(MATERIAL SUPPLIED Opens)

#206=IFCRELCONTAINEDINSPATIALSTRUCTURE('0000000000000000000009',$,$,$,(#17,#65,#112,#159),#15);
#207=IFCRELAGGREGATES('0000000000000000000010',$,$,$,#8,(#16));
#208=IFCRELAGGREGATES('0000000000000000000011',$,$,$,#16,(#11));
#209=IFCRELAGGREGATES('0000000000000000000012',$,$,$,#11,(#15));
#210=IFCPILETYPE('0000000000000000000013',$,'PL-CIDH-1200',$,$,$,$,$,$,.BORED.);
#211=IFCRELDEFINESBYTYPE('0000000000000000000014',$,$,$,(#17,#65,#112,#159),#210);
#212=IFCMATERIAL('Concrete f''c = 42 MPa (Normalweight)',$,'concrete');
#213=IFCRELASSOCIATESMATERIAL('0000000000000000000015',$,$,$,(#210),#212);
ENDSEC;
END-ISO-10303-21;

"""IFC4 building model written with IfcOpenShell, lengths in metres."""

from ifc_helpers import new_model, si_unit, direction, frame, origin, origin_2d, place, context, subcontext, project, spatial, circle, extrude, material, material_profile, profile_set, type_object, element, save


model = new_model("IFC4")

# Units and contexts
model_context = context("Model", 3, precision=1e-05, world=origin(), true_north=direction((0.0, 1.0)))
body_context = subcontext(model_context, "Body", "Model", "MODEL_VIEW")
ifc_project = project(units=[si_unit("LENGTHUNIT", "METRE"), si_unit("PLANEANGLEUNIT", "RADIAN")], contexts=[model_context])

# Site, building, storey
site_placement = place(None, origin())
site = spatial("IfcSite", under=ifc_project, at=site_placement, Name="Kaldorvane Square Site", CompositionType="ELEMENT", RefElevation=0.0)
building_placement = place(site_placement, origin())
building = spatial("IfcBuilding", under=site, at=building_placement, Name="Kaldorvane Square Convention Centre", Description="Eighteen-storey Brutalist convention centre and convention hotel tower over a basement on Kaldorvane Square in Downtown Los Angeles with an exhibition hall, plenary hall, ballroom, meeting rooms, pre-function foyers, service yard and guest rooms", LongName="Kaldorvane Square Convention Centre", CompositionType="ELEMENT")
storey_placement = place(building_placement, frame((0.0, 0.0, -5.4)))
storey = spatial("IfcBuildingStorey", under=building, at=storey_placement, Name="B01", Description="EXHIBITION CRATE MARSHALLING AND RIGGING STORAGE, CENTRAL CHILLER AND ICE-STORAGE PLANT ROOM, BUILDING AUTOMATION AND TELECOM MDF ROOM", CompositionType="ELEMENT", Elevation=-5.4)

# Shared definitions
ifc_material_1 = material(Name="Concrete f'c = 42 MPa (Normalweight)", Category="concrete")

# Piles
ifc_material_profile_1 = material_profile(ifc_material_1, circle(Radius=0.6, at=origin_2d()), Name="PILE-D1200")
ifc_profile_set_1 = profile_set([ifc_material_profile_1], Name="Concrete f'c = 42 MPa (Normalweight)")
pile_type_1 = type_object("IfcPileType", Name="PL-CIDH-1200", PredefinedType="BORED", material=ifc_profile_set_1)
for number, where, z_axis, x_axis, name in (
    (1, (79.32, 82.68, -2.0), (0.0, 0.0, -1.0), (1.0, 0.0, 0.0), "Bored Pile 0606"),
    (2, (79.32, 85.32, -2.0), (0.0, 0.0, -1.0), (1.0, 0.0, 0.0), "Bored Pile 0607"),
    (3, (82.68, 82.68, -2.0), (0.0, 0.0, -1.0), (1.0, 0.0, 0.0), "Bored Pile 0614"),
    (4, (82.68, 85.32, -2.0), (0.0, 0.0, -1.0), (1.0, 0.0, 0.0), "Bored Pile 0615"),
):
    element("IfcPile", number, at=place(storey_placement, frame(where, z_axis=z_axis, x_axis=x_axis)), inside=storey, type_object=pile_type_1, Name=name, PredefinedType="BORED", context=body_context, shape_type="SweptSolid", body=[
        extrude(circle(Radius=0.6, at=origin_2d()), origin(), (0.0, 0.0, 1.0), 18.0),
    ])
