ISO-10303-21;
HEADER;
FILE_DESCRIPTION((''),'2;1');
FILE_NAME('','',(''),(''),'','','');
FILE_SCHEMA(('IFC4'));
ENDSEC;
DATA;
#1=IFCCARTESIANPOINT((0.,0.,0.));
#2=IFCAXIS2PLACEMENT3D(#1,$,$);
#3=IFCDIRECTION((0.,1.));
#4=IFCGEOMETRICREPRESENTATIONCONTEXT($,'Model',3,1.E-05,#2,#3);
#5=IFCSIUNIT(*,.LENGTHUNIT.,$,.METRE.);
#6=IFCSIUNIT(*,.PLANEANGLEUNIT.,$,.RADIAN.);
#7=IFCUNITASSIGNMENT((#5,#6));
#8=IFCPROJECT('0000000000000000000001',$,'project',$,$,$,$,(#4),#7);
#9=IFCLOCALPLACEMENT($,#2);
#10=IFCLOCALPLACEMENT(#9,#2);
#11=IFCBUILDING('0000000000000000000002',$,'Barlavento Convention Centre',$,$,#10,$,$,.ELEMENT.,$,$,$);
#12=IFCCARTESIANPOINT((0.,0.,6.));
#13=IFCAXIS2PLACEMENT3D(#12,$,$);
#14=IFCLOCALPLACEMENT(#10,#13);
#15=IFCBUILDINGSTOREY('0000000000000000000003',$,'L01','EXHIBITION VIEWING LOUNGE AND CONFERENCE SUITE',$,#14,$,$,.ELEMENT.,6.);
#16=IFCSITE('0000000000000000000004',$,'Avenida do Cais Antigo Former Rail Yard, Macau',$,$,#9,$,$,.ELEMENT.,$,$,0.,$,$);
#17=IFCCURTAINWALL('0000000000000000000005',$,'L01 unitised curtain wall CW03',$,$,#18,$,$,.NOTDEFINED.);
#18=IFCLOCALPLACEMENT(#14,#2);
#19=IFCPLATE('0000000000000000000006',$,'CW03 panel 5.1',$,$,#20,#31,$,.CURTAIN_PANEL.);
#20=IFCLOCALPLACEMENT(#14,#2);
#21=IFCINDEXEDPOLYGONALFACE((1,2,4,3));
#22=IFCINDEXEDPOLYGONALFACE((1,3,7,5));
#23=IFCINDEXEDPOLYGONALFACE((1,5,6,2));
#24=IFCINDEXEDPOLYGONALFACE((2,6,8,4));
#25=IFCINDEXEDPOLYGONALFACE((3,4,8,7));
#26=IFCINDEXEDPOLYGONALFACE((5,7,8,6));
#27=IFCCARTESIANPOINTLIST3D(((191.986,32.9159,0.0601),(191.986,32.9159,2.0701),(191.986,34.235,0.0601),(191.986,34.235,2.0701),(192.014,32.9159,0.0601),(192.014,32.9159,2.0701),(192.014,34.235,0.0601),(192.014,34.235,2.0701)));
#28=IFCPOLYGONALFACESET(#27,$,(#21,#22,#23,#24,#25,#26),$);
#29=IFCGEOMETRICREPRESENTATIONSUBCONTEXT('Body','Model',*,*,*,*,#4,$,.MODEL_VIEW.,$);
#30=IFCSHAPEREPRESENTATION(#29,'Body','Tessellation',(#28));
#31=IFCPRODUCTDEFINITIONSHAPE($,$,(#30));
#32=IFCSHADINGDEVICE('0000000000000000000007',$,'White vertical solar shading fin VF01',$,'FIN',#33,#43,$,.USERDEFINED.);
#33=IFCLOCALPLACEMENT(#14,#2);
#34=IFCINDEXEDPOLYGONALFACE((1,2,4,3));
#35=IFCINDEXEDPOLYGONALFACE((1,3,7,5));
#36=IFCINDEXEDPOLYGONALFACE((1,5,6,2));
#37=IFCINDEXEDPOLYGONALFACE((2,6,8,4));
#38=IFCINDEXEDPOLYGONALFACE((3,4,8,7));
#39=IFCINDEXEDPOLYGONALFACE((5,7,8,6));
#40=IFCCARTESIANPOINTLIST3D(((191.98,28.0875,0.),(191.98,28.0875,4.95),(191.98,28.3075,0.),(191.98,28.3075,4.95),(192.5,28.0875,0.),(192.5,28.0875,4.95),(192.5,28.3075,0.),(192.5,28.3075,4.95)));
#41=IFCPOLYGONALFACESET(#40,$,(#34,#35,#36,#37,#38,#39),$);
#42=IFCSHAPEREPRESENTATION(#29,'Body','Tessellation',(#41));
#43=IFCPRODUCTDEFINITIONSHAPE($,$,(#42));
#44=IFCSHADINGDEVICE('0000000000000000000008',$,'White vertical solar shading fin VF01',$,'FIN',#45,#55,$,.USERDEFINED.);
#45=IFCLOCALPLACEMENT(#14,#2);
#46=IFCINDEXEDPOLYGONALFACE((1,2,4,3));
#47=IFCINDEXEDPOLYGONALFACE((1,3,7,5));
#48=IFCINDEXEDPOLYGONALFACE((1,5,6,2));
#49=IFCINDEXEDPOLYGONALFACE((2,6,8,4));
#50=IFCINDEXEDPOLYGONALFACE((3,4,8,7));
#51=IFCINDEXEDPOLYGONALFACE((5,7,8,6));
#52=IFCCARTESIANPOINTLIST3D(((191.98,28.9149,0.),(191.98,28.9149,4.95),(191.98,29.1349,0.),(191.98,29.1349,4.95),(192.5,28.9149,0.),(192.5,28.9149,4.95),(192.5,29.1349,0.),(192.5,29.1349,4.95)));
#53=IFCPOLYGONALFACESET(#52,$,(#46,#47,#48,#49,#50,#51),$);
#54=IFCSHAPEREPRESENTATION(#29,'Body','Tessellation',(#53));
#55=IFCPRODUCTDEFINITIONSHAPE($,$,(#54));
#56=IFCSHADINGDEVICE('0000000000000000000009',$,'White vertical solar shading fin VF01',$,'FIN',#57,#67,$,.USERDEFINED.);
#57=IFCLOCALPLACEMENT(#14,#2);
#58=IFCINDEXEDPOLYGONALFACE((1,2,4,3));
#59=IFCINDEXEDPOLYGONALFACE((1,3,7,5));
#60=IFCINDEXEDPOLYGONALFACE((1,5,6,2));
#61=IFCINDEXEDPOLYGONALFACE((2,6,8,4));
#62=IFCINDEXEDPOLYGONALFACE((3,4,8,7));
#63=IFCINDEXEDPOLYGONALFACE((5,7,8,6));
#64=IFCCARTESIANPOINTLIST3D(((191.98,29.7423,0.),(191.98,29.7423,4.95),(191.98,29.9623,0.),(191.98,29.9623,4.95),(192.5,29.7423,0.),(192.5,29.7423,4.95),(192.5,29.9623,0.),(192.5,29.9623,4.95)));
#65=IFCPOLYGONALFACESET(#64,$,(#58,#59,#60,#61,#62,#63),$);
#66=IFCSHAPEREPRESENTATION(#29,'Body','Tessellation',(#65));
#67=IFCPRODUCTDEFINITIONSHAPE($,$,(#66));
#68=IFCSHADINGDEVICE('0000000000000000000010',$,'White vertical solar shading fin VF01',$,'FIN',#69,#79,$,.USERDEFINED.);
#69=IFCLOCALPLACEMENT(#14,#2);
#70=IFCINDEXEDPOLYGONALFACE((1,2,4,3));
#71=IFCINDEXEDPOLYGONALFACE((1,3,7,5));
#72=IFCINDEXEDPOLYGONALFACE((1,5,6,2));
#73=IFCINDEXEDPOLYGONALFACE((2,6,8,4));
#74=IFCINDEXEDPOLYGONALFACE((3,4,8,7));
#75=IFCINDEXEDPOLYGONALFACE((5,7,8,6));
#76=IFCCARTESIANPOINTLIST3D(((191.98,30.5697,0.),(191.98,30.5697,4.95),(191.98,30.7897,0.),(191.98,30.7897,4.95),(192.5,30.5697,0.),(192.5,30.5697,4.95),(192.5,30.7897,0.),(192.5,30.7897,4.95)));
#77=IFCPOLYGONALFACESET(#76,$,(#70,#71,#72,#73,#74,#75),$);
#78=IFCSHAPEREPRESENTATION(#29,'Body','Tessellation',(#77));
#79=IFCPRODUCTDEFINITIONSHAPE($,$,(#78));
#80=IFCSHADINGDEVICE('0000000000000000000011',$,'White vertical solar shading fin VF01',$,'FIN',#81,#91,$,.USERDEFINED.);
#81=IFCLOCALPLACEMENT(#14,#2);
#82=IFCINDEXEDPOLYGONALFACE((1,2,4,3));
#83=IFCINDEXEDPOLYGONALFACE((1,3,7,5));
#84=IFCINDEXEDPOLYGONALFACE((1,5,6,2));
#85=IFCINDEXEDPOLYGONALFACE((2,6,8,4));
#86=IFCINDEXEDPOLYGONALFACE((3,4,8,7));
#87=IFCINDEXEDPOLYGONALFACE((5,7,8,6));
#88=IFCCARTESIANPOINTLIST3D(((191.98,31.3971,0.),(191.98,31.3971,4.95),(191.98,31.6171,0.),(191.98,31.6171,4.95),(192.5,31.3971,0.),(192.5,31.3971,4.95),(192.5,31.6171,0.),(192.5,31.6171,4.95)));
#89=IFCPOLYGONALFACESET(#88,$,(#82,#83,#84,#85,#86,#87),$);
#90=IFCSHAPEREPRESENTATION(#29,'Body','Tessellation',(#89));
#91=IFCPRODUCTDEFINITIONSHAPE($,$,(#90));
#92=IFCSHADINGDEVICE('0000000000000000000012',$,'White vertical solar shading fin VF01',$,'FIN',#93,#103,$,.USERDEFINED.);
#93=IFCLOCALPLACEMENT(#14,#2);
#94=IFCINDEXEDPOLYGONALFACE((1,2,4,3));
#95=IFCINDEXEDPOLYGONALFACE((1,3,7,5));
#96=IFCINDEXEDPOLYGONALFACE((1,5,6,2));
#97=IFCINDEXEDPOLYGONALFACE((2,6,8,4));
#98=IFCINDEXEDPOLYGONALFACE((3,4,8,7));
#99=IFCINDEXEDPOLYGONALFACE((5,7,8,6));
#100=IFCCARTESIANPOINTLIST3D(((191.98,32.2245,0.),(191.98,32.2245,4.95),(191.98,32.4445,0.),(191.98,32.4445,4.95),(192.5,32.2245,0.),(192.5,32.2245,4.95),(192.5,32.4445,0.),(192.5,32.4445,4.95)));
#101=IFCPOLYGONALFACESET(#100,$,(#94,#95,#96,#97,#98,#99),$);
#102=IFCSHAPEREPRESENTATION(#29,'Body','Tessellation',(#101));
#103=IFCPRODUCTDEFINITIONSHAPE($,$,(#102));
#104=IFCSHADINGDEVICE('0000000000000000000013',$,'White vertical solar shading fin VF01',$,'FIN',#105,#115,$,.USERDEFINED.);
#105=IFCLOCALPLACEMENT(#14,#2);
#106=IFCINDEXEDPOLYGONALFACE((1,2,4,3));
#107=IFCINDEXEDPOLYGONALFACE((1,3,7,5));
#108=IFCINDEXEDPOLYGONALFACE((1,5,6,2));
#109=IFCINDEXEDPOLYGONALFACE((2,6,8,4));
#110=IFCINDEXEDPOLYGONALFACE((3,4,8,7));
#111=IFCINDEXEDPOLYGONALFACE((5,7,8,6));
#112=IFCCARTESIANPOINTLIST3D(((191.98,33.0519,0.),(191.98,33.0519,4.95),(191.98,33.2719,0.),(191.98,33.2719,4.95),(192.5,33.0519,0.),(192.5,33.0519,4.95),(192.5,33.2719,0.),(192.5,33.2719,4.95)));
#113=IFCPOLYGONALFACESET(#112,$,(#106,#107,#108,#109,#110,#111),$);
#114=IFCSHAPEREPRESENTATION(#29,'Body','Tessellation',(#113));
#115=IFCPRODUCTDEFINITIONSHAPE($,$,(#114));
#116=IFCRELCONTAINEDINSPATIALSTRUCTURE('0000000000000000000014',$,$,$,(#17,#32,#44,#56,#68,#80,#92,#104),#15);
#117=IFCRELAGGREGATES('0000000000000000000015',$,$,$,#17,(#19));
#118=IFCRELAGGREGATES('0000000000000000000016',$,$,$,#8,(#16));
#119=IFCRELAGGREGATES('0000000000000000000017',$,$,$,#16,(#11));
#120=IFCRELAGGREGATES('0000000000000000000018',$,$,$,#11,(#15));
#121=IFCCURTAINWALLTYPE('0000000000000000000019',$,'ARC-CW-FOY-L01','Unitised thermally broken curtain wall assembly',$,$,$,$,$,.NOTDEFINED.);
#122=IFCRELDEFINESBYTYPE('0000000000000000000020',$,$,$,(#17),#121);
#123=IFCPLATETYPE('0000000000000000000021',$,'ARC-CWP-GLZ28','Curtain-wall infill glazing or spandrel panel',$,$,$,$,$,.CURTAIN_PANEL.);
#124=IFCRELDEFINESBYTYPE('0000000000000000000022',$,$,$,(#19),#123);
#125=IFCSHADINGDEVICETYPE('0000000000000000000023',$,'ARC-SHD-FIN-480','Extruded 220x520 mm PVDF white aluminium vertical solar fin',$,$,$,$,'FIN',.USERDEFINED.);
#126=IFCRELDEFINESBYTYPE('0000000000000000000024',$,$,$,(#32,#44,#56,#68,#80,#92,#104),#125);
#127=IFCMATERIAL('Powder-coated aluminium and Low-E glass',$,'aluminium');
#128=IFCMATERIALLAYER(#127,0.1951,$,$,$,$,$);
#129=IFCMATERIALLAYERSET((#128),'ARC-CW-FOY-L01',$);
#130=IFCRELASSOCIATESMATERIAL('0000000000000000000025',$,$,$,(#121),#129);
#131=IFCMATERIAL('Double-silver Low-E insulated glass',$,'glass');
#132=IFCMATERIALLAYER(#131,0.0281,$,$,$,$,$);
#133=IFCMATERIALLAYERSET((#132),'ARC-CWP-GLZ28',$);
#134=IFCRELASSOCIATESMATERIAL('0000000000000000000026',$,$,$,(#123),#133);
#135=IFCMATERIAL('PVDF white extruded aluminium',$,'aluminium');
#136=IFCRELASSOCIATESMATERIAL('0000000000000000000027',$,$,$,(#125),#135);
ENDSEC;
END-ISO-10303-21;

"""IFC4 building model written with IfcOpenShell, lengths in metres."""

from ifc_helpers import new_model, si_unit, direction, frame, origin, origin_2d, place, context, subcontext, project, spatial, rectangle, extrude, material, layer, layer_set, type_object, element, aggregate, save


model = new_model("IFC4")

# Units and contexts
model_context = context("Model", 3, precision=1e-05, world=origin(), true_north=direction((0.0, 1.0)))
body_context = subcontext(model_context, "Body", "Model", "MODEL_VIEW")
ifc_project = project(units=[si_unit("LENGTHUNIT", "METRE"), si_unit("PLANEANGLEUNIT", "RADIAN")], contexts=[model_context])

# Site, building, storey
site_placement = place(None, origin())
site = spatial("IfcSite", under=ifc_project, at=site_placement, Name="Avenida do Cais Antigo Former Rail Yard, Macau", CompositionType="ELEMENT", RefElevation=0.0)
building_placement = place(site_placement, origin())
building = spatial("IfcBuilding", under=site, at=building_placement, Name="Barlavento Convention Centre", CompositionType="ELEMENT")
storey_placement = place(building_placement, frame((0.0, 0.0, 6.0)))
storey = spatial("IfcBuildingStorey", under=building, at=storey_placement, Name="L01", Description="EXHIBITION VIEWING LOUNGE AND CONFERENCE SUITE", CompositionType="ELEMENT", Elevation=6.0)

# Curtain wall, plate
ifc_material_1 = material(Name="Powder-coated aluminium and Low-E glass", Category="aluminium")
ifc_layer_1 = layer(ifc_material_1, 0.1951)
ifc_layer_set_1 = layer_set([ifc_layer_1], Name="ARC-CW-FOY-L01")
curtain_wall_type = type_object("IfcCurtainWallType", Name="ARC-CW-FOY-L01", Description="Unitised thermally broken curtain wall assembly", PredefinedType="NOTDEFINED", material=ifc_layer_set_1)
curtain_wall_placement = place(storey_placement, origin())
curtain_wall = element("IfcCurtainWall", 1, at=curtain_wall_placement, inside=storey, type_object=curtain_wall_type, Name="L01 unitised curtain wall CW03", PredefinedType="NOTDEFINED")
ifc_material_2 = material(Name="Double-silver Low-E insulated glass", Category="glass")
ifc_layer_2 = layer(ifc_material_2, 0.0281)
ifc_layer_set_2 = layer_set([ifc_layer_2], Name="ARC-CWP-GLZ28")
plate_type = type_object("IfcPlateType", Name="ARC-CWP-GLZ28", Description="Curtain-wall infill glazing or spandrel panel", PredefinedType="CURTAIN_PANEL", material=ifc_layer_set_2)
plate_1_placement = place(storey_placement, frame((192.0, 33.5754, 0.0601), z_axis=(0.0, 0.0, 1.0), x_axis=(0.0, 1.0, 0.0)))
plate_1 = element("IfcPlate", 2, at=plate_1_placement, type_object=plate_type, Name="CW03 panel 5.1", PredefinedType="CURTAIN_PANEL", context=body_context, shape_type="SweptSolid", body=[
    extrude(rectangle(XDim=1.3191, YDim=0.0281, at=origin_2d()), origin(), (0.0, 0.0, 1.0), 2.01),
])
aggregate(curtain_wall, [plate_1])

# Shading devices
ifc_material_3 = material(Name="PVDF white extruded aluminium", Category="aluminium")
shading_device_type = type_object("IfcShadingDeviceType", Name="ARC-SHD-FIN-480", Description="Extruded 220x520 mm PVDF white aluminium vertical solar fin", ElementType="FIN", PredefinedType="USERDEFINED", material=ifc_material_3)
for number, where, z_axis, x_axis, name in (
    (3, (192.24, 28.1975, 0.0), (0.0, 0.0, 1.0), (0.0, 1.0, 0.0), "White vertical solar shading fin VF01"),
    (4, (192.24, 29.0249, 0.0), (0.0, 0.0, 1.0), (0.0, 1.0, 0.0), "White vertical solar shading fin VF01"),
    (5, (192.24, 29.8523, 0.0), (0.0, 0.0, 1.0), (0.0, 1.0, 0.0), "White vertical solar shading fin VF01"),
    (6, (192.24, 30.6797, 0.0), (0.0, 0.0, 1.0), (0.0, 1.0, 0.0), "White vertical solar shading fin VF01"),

(MATERIAL SUPPLIED Closes)

▶ **TASK INSTRUCTIONS**
With the first line being the one containing "#63=IFCINDEXEDPOLYGONALFACE((5,7,8,6));" and the last line the one containing "#79=IFCPRODUCTDEFINITIONSHAPE($,$,(#78));", transcribe exactly the lines above that fall in that range.

▶ **ANSWER FOR THE TASK**
#63=IFCINDEXEDPOLYGONALFACE((5,7,8,6));
#64=IFCCARTESIANPOINTLIST3D(((191.98,29.7423,0.),(191.98,29.7423,4.95),(191.98,29.9623,0.),(191.98,29.9623,4.95),(192.5,29.7423,0.),(192.5,29.7423,4.95),(192.5,29.9623,0.),(192.5,29.9623,4.95)));
#65=IFCPOLYGONALFACESET(#64,$,(#58,#59,#60,#61,#62,#63),$);
#66=IFCSHAPEREPRESENTATION(#29,'Body','Tessellation',(#65));
#67=IFCPRODUCTDEFINITIONSHAPE($,$,(#66));
#68=IFCSHADINGDEVICE('0000000000000000000010',$,'White vertical solar shading fin VF01',$,'FIN',#69,#79,$,.USERDEFINED.);
#69=IFCLOCALPLACEMENT(#14,#2);
#70=IFCINDEXEDPOLYGONALFACE((1,2,4,3));
#71=IFCINDEXEDPOLYGONALFACE((1,3,7,5));
#72=IFCINDEXEDPOLYGONALFACE((1,5,6,2));
#73=IFCINDEXEDPOLYGONALFACE((2,6,8,4));
#74=IFCINDEXEDPOLYGONALFACE((3,4,8,7));
#75=IFCINDEXEDPOLYGONALFACE((5,7,8,6));
#76=IFCCARTESIANPOINTLIST3D(((191.98,30.5697,0.),(191.98,30.5697,4.95),(191.98,30.7897,0.),(191.98,30.7897,4.95),(192.5,30.5697,0.),(192.5,30.5697,4.95),(192.5,30.7897,0.),(192.5,30.7897,4.95)));
#77=IFCPOLYGONALFACESET(#76,$,(#70,#71,#72,#73,#74,#75),$);
#78=IFCSHAPEREPRESENTATION(#29,'Body','Tessellation',(#77));
#79=IFCPRODUCTDEFINITIONSHAPE($,$,(#78));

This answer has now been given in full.